Your goal: Lines of the listing below that contain the string "identifier" are to be returned.

Data supplied:
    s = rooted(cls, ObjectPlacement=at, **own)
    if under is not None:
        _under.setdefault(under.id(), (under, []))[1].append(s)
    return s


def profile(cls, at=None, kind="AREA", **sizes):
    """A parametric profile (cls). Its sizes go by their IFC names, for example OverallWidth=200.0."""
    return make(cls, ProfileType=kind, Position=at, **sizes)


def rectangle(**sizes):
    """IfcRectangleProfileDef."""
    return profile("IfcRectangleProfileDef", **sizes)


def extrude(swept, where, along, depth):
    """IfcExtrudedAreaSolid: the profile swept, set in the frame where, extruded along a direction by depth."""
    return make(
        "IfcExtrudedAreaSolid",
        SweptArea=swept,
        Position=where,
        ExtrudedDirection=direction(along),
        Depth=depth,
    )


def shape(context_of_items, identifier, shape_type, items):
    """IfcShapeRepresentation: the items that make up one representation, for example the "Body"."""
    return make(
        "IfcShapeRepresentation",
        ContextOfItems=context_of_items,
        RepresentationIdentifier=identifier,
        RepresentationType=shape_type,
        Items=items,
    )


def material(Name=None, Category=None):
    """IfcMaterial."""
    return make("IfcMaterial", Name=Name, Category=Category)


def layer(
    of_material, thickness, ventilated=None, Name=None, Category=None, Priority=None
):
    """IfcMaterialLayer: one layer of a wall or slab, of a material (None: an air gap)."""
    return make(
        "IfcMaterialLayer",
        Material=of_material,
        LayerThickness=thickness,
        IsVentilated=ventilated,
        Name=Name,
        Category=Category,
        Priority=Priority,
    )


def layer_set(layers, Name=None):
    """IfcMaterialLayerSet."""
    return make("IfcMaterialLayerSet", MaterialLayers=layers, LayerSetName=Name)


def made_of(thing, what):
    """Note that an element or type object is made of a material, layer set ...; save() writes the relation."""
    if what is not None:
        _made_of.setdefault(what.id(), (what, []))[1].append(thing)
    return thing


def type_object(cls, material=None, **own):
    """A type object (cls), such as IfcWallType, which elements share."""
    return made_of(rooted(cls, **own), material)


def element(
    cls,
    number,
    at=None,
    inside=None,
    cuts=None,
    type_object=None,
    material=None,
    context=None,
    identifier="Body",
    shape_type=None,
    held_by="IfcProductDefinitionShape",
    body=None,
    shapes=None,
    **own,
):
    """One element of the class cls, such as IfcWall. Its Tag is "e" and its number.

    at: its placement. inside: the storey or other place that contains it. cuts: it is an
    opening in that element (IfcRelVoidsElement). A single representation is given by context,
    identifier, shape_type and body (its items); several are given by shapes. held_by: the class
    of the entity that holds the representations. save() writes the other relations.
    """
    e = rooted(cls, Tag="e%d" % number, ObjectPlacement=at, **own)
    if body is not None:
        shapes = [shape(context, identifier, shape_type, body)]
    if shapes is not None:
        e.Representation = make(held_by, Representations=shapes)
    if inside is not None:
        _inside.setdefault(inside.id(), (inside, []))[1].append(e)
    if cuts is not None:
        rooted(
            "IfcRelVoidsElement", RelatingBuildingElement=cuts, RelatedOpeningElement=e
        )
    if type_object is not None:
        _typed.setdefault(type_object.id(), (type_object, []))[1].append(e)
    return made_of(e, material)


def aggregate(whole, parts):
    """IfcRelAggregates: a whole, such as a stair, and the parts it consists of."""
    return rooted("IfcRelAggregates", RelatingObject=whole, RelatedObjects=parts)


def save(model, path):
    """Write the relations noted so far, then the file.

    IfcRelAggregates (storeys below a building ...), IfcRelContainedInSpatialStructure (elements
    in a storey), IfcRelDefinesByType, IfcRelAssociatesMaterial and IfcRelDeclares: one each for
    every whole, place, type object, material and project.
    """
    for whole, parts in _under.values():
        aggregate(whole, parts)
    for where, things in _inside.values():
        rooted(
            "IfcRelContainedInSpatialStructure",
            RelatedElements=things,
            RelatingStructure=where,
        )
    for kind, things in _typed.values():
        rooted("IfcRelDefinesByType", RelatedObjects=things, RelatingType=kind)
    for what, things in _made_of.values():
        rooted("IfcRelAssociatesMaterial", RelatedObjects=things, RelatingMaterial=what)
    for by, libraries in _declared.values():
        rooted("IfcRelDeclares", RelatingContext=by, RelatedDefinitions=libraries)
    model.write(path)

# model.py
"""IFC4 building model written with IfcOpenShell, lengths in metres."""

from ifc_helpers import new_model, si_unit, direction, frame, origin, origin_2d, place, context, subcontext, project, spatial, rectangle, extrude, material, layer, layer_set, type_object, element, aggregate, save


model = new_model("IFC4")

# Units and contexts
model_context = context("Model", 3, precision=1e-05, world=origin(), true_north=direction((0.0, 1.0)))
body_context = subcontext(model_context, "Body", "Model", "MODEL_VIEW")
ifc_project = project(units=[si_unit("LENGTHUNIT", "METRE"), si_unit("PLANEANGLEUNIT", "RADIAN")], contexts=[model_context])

Response to this task:
def shape(context_of_items, identifier, shape_type, items):
        RepresentationIdentifier=identifier,
    identifier="Body",
    identifier, shape_type and body (its items); several are given by shapes. held_by: the class
        shapes = [shape(context, identifier, shape_type, body)]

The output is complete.